WHAT IS BEING ASKED
Copy word for word, please, the lines of the entries below running from the one containing "#88=IFCRELAGGREGATES('0000000000000000000012',$,$,$,#16,(#11));" to the one containing "#103=IFCMATERIAL('Brushed Bronze Sliding", both ends included.

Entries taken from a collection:

Start of Block

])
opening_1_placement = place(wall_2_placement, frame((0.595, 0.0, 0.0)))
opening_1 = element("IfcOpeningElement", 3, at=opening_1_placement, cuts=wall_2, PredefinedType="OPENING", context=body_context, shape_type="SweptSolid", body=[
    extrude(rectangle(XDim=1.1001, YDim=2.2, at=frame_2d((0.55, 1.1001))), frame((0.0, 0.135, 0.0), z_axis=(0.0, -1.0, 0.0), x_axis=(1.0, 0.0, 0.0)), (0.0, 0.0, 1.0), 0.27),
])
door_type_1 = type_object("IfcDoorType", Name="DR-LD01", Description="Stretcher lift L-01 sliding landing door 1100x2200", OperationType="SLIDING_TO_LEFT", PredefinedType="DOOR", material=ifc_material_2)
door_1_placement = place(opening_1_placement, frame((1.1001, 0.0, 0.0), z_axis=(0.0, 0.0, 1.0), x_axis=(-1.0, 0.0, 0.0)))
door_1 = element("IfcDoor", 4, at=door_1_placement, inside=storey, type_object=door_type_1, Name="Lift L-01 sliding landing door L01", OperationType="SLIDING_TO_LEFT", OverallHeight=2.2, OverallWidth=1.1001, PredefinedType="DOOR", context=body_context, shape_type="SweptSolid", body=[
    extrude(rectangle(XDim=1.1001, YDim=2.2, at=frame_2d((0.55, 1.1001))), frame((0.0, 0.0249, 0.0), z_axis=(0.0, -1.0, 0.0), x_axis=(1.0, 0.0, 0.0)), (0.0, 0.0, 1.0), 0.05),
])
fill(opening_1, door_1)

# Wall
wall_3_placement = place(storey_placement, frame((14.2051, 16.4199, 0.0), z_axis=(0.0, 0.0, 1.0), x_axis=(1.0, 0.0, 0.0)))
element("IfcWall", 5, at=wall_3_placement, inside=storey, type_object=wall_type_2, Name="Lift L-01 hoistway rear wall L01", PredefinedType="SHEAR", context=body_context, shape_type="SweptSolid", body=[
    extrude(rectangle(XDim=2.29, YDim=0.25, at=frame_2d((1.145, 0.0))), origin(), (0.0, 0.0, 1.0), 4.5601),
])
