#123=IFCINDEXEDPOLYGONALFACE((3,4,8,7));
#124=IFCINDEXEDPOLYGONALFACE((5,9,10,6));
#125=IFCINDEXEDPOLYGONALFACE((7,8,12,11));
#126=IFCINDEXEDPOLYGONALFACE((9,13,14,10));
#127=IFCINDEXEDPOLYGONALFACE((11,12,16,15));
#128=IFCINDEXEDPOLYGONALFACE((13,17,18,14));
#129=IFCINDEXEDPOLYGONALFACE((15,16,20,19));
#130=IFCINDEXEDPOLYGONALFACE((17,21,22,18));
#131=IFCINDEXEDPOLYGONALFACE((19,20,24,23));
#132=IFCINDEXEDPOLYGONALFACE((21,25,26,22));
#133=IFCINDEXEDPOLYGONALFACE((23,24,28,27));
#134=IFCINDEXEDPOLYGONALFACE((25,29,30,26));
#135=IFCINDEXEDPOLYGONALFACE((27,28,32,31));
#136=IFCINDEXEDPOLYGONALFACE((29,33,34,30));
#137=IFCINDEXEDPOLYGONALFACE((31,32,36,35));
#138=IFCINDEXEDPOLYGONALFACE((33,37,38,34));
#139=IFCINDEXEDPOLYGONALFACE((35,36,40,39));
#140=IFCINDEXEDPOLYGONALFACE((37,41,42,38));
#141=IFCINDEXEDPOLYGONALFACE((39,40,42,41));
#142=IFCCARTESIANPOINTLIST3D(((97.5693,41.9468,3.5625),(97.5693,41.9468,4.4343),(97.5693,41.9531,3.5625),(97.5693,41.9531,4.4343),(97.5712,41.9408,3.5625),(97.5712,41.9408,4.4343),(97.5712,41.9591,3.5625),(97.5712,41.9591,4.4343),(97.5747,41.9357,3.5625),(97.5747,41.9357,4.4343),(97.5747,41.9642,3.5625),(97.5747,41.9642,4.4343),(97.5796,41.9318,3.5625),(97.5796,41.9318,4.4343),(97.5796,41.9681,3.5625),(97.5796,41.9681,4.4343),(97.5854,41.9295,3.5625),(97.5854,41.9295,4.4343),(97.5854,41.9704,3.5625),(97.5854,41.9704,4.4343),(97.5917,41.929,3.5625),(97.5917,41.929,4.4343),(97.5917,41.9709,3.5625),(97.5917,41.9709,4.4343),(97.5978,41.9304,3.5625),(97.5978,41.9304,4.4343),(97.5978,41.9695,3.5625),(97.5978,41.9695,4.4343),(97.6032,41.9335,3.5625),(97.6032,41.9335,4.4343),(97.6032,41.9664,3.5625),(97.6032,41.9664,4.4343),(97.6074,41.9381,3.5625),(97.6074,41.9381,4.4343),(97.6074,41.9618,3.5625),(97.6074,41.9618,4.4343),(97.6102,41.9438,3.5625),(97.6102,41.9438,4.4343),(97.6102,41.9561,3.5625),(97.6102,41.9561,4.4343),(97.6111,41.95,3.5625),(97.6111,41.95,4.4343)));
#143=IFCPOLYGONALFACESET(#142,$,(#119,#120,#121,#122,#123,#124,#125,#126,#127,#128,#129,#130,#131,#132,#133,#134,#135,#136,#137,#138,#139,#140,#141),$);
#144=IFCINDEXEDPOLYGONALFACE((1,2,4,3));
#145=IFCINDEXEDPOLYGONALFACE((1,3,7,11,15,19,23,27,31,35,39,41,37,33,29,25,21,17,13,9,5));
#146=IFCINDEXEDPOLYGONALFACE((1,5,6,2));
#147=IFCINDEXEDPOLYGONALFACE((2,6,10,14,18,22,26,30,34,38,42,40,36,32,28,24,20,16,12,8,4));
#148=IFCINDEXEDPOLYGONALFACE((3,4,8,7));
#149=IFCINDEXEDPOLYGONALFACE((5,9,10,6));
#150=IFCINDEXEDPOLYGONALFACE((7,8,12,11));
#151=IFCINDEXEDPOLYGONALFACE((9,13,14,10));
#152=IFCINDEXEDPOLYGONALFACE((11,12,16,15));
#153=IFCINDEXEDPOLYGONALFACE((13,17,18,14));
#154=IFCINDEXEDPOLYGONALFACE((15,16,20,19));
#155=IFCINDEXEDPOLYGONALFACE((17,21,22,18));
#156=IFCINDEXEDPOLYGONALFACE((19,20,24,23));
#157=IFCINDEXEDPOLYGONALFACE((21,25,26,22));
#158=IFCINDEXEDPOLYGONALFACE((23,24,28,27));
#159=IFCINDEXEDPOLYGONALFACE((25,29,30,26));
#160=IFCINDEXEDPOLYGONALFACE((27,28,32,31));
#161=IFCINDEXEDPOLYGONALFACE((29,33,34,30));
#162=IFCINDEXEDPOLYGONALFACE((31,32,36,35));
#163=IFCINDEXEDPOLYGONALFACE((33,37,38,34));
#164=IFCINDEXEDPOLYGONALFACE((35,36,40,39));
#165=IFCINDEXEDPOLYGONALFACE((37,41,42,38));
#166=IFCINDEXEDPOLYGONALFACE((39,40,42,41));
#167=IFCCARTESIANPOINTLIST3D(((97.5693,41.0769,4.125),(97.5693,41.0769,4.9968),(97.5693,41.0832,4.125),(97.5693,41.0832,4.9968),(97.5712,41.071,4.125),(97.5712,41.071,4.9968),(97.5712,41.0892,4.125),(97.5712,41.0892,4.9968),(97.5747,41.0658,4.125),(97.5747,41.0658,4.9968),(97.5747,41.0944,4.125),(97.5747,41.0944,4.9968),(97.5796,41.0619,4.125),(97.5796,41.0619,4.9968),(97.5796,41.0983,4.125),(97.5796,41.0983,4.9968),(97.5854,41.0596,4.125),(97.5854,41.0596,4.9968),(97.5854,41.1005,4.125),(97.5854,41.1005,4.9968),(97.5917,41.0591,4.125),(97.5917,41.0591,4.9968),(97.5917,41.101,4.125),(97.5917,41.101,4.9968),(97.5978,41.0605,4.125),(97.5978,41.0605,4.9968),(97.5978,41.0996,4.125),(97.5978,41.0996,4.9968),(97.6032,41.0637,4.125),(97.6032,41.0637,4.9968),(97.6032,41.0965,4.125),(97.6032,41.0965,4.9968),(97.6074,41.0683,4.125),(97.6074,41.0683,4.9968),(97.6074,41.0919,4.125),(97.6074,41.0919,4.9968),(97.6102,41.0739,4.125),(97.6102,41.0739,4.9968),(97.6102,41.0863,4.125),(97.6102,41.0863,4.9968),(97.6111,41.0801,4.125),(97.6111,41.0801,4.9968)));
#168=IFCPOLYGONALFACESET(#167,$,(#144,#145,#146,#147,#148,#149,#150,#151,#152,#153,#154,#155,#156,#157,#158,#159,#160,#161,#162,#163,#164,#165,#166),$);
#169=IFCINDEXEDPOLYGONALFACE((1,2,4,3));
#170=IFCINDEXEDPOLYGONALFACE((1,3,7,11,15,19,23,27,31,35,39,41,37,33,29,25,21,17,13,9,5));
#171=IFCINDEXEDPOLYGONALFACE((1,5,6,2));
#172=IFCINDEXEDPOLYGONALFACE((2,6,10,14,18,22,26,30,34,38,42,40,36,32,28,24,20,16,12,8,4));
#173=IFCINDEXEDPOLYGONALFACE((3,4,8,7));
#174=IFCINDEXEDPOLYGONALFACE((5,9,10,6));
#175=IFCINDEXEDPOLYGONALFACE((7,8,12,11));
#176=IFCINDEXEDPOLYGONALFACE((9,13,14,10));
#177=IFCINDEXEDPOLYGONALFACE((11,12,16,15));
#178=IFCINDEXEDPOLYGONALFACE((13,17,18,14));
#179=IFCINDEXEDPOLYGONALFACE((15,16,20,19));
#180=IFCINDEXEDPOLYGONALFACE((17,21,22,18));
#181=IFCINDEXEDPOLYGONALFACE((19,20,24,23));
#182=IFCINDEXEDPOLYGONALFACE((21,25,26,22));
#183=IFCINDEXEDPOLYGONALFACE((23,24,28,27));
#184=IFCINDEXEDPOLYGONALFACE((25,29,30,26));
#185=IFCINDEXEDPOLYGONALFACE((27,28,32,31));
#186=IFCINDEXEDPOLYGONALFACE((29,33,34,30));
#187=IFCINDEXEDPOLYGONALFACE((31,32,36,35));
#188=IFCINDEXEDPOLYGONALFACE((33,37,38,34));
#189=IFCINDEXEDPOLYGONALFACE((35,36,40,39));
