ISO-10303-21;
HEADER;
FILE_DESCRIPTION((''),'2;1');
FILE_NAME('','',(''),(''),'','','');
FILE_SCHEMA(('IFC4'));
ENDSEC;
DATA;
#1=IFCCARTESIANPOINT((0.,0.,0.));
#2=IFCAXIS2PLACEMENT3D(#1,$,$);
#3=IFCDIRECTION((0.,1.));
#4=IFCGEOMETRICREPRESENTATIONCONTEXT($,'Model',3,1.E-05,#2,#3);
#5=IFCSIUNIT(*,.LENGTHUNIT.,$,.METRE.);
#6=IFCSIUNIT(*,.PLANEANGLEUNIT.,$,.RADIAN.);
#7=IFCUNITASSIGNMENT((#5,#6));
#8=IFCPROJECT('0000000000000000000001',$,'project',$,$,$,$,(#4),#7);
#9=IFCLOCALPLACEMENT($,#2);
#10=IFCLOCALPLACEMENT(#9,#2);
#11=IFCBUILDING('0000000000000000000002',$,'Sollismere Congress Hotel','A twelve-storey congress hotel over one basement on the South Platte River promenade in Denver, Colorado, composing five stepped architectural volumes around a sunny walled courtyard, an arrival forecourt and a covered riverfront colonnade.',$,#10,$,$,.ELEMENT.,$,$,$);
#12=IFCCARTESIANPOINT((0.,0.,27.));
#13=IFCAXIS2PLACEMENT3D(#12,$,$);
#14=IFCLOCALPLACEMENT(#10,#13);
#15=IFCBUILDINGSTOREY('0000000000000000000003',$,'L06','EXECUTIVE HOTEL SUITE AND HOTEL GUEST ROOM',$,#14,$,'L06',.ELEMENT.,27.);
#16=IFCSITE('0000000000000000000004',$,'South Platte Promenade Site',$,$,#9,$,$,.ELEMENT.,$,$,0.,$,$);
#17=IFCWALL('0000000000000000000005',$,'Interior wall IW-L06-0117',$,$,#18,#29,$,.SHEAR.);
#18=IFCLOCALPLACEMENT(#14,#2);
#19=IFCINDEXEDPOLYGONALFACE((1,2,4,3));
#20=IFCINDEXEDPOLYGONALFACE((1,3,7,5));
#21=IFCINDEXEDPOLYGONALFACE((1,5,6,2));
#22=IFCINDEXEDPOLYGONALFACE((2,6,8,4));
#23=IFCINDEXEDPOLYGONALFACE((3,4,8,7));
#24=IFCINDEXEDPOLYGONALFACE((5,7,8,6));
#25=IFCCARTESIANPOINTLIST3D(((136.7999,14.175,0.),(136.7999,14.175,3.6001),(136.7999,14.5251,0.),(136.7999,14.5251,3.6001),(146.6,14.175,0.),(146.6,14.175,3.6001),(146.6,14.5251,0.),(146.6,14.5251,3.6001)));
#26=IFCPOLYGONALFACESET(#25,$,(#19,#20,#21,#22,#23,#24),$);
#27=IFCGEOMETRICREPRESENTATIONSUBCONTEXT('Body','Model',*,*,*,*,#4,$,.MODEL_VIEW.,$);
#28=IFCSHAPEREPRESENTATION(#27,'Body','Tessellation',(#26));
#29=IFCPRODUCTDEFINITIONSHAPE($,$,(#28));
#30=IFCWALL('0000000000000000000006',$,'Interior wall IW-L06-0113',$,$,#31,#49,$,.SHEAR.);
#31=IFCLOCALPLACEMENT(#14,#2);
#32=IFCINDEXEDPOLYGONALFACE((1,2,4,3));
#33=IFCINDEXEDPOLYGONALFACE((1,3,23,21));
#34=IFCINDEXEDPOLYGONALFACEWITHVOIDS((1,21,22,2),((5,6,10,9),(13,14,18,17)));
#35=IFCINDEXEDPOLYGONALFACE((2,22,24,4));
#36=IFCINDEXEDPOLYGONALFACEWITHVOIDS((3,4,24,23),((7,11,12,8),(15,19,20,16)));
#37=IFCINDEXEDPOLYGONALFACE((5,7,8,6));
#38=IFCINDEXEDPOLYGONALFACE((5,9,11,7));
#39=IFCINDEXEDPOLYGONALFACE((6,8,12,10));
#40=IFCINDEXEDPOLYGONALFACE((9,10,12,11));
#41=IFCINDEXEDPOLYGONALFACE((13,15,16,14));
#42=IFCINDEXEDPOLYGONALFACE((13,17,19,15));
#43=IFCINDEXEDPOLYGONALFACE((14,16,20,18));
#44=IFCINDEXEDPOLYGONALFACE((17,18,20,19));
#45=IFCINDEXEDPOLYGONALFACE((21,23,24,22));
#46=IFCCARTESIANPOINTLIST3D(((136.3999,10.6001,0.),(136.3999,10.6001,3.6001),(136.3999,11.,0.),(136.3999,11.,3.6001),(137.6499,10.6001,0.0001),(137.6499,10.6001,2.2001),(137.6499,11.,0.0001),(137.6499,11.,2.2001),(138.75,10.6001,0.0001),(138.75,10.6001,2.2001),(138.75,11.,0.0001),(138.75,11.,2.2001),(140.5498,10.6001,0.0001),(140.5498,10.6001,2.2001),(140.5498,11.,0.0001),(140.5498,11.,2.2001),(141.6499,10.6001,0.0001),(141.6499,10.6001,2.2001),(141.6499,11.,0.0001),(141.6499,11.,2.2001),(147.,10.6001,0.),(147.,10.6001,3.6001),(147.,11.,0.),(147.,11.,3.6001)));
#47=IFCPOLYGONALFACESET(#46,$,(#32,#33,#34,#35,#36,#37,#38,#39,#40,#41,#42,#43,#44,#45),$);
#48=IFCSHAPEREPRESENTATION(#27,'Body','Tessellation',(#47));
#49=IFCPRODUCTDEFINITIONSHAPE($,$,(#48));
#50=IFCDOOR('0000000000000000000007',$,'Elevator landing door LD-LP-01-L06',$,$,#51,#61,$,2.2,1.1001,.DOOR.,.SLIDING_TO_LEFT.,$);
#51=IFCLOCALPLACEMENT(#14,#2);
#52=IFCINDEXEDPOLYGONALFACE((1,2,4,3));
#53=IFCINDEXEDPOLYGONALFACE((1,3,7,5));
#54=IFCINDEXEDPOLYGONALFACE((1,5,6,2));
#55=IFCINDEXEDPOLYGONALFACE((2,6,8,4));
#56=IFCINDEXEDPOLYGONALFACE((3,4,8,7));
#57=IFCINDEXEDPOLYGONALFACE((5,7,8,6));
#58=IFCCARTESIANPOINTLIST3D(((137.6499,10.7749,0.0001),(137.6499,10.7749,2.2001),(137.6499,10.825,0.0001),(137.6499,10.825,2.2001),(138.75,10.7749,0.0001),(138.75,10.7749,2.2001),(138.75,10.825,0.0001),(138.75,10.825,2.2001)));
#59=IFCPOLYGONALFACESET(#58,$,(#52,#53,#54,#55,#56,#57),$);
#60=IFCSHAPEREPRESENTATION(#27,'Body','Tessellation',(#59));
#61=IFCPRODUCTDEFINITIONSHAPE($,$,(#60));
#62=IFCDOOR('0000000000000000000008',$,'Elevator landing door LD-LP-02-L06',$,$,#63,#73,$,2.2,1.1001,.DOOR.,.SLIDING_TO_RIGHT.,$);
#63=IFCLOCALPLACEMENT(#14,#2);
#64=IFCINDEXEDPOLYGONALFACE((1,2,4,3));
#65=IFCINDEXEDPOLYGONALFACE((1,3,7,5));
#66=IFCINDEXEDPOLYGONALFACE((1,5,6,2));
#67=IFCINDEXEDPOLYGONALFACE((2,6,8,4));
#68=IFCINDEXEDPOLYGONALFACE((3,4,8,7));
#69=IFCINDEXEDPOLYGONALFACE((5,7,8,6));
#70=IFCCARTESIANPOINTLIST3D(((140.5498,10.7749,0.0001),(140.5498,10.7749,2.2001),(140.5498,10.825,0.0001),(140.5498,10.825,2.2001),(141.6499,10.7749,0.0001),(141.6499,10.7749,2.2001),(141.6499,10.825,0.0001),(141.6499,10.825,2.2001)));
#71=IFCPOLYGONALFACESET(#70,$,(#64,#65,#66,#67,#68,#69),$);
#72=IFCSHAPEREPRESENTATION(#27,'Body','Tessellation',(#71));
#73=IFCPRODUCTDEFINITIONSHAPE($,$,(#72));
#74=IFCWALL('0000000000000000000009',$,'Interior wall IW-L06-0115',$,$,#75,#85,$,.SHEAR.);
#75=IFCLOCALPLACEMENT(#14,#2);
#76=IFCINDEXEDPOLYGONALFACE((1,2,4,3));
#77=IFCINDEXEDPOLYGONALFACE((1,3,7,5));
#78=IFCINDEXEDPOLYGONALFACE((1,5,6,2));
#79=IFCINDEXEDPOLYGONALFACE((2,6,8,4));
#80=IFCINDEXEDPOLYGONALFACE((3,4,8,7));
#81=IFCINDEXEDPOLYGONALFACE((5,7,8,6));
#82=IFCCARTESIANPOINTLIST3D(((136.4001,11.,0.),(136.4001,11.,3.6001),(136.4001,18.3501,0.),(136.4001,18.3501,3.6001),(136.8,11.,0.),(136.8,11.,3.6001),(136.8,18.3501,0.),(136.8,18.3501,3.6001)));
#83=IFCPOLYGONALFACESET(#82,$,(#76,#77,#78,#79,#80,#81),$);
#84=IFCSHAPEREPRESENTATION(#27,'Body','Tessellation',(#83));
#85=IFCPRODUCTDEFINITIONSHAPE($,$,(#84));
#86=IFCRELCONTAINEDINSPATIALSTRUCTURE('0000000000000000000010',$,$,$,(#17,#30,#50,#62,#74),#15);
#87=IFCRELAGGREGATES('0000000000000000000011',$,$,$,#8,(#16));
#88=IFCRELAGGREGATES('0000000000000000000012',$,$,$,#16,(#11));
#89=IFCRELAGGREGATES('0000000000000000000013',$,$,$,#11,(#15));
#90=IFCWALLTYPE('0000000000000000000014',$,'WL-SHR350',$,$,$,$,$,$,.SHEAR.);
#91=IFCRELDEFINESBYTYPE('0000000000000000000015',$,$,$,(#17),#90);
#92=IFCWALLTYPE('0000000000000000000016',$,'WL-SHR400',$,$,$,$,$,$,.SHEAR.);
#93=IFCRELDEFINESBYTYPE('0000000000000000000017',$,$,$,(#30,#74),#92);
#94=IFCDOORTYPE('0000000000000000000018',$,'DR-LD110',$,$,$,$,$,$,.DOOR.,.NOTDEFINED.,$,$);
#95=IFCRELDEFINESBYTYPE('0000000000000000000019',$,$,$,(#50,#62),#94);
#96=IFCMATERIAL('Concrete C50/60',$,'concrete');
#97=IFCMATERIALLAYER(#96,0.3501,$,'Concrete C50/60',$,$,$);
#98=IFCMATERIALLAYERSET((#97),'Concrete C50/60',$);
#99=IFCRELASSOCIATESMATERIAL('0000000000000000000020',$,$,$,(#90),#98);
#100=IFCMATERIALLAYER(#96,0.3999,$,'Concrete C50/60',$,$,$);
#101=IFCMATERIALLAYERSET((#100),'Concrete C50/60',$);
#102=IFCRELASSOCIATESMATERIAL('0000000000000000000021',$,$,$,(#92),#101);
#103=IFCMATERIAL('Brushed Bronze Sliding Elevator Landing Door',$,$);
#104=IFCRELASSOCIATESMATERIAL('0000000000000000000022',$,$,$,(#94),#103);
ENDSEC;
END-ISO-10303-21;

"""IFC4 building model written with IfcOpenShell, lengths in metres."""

from ifc_helpers import new_model, si_unit, direction, frame, frame_2d, origin, place, context, subcontext, project, spatial, rectangle, extrude, material, layer, layer_set, type_object, element, fill, save


model = new_model("IFC4")

# Units and contexts
model_context = context("Model", 3, precision=1e-05, world=origin(), true_north=direction((0.0, 1.0)))
body_context = subcontext(model_context, "Body", "Model", "MODEL_VIEW")
ifc_project = project(units=[si_unit("LENGTHUNIT", "METRE"), si_unit("PLANEANGLEUNIT", "RADIAN")], contexts=[model_context])

# Site, building, storey
site_placement = place(None, origin())
site = spatial("IfcSite", under=ifc_project, at=site_placement, Name="South Platte Promenade Site", CompositionType="ELEMENT", RefElevation=0.0)
building_placement = place(site_placement, origin())
building = spatial("IfcBuilding", under=site, at=building_placement, Name="Sollismere Congress Hotel", Description="A twelve-storey congress hotel over one basement on the South Platte River promenade in Denver, Colorado, composing five stepped architectural volumes around a sunny walled courtyard, an arrival forecourt and a covered riverfront colonnade.", CompositionType="ELEMENT")
storey_placement = place(building_placement, frame((0.0, 0.0, 27.0)))
storey = spatial("IfcBuildingStorey", under=building, at=storey_placement, Name="L06", Description="EXECUTIVE HOTEL SUITE AND HOTEL GUEST ROOM", LongName="L06", CompositionType="ELEMENT", Elevation=27.0)

# Wall
ifc_material_1 = material(Name="Concrete C50/60", Category="concrete")
ifc_layer_1 = layer(ifc_material_1, 0.3501, Name="Concrete C50/60")
ifc_layer_set_1 = layer_set([ifc_layer_1], Name="Concrete C50/60")
wall_type_1 = type_object("IfcWallType", Name="WL-SHR350", PredefinedType="SHEAR", material=ifc_layer_set_1)
wall_1_placement = place(storey_placement, frame((136.8, 14.3501, 0.0), z_axis=(0.0, 0.0, 1.0), x_axis=(1.0, 0.0, 0.0)))
element("IfcWall", 1, at=wall_1_placement, inside=storey, type_object=wall_type_1, Name="Interior wall IW-L06-0117", PredefinedType="SHEAR", context=body_context, shape_type="SweptSolid", body=[
    extrude(rectangle(XDim=9.8, YDim=0.3501, at=frame_2d((4.8999, 0.0))), origin(), (0.0, 0.0, 1.0), 3.6001),
])

# Wall, openings, doors
ifc_layer_2 = layer(ifc_material_1, 0.3999, Name="Concrete C50/60")
ifc_layer_set_2 = layer_set([ifc_layer_2], Name="Concrete C50/60")
wall_type_2 = type_object("IfcWallType", Name="WL-SHR400", PredefinedType="SHEAR", material=ifc_layer_set_2)
wall_2_placement = place(storey_placement, frame((136.3999, 10.8, 0.0), z_axis=(0.0, 0.0, 1.0), x_axis=(1.0, 0.0, 0.0)))
wall_2 = element("IfcWall", 2, at=wall_2_placement, inside=storey, type_object=wall_type_2, Name="Interior wall IW-L06-0113", PredefinedType="SHEAR", context=body_context, shape_type="SweptSolid", body=[
    extrude(rectangle(XDim=10.6001, YDim=0.3999, at=frame_2d((5.3, 0.0))), origin(), (0.0, 0.0, 1.0), 3.6001),
])
opening_1_placement = place(wall_2_placement, frame((1.25, 0.0, 0.0)))
opening_1 = element("IfcOpeningElement", 3, at=opening_1_placement, cuts=wall_2, PredefinedType="OPENING", context=body_context, shape_type="SweptSolid", body=[
    extrude(rectangle(XDim=1.1001, YDim=2.2, at=frame_2d((0.55, 1.1001))), frame((0.0, 0.21, 0.0), z_axis=(0.0, -1.0, 0.0), x_axis=(1.0, 0.0, 0.0)), (0.0, 0.0, 1.0), 0.4199),
])
opening_2_placement = place(wall_2_placement, frame((4.1499, 0.0, 0.0)))
opening_2 = element("IfcOpeningElement", 4, at=opening_2_placement, cuts=wall_2, PredefinedType="OPENING", context=body_context, shape_type="SweptSolid", body=[
    extrude(rectangle(XDim=1.1001, YDim=2.2, at=frame_2d((0.55, 1.1001))), frame((0.0, 0.21, 0.0), z_axis=(0.0, -1.0, 0.0), x_axis=(1.0, 0.0, 0.0)), (0.0, 0.0, 1.0), 0.4199),
])
ifc_material_2 = material(Name="Brushed Bronze Sliding Elevator Landing Door")
door_type_1 = type_object("IfcDoorType", Name="DR-LD110", OperationType="NOTDEFINED", PredefinedType="DOOR", material=ifc_material_2)
door_1_placement = place(opening_1_placement, origin())
door_1 = element("IfcDoor", 5, at=door_1_placement, inside=storey, type_object=door_type_1, Name="Elevator landing door LD-LP-01-L06", OperationType="SLIDING_TO_LEFT", OverallHeight=2.2, OverallWidth=1.1001, PredefinedType="DOOR", context=body_context, shape_type="SweptSolid", body=[
    extrude(rectangle(XDim=1.1001, YDim=2.2, at=frame_2d((0.55, 1.1001))), frame((0.0, 0.0249, 0.0), z_axis=(0.0, -1.0, 0.0), x_axis=(1.0, 0.0, 0.0)), (0.0, 0.0, 1.0), 0.05),
])
fill(opening_1, door_1)
door_2_placement = place(opening_2_placement, origin())
door_2 = element("IfcDoor", 6, at=door_2_placement, inside=storey, type_object=door_type_1, Name="Elevator landing door LD-LP-02-L06", OperationType="SLIDING_TO_RIGHT", OverallHeight=2.2, OverallWidth=1.1001, PredefinedType="DOOR", context=body_context, shape_type="SweptSolid", body=[
    extrude(rectangle(XDim=1.1001, YDim=2.2, at=frame_2d((0.55, 1.1001))), frame((0.0, 0.0249, 0.0), z_axis=(0.0, -1.0, 0.0), x_axis=(1.0, 0.0, 0.0)), (0.0, 0.0, 1.0), 0.05),
])
fill(opening_2, door_2)

# Wall
wall_3_placement = place(storey_placement, frame((136.6001, 18.3501, 0.0), z_axis=(0.0, 0.0, 1.0), x_axis=(0.0, -1.0, 0.0)))
element("IfcWall", 7, at=wall_3_placement, inside=storey, type_object=wall_type_2, Name="Interior wall IW-L06-0115", PredefinedType="SHEAR", context=body_context, shape_type="SweptSolid", body=[
    extrude(rectangle(XDim=7.3501, YDim=0.3999, at=frame_2d((3.675, 0.0))), origin(), (0.0, 0.0, 1.0), 3.6001),
])

save(model, "model.ifc")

End of Block

ANSWER FOR THE TASK
#88=IFCRELAGGREGATES('0000000000000000000012',$,$,$,#16,(#11));
#89=IFCRELAGGREGATES('0000000000000000000013',$,$,$,#11,(#15));
#90=IFCWALLTYPE('0000000000000000000014',$,'WL-SHR350',$,$,$,$,$,$,.SHEAR.);
#91=IFCRELDEFINESBYTYPE('0000000000000000000015',$,$,$,(#17),#90);
#92=IFCWALLTYPE('0000000000000000000016',$,'WL-SHR400',$,$,$,$,$,$,.SHEAR.);
#93=IFCRELDEFINESBYTYPE('0000000000000000000017',$,$,$,(#30,#74),#92);
#94=IFCDOORTYPE('0000000000000000000018',$,'DR-LD110',$,$,$,$,$,$,.DOOR.,.NOTDEFINED.,$,$);
#95=IFCRELDEFINESBYTYPE('0000000000000000000019',$,$,$,(#50,#62),#94);
#96=IFCMATERIAL('Concrete C50/60',$,'concrete');
#97=IFCMATERIALLAYER(#96,0.3501,$,'Concrete C50/60',$,$,$);
#98=IFCMATERIALLAYERSET((#97),'Concrete C50/60',$);
#99=IFCRELASSOCIATESMATERIAL('0000000000000000000020',$,$,$,(#90),#98);
#100=IFCMATERIALLAYER(#96,0.3999,$,'Concrete C50/60',$,$,$);
#101=IFCMATERIALLAYERSET((#100),'Concrete C50/60',$);
#102=IFCRELASSOCIATESMATERIAL('0000000000000000000021',$,$,$,(#92),#101);
#103=IFCMATERIAL('Brushed Bronze Sliding Elevator Landing Door',$,$);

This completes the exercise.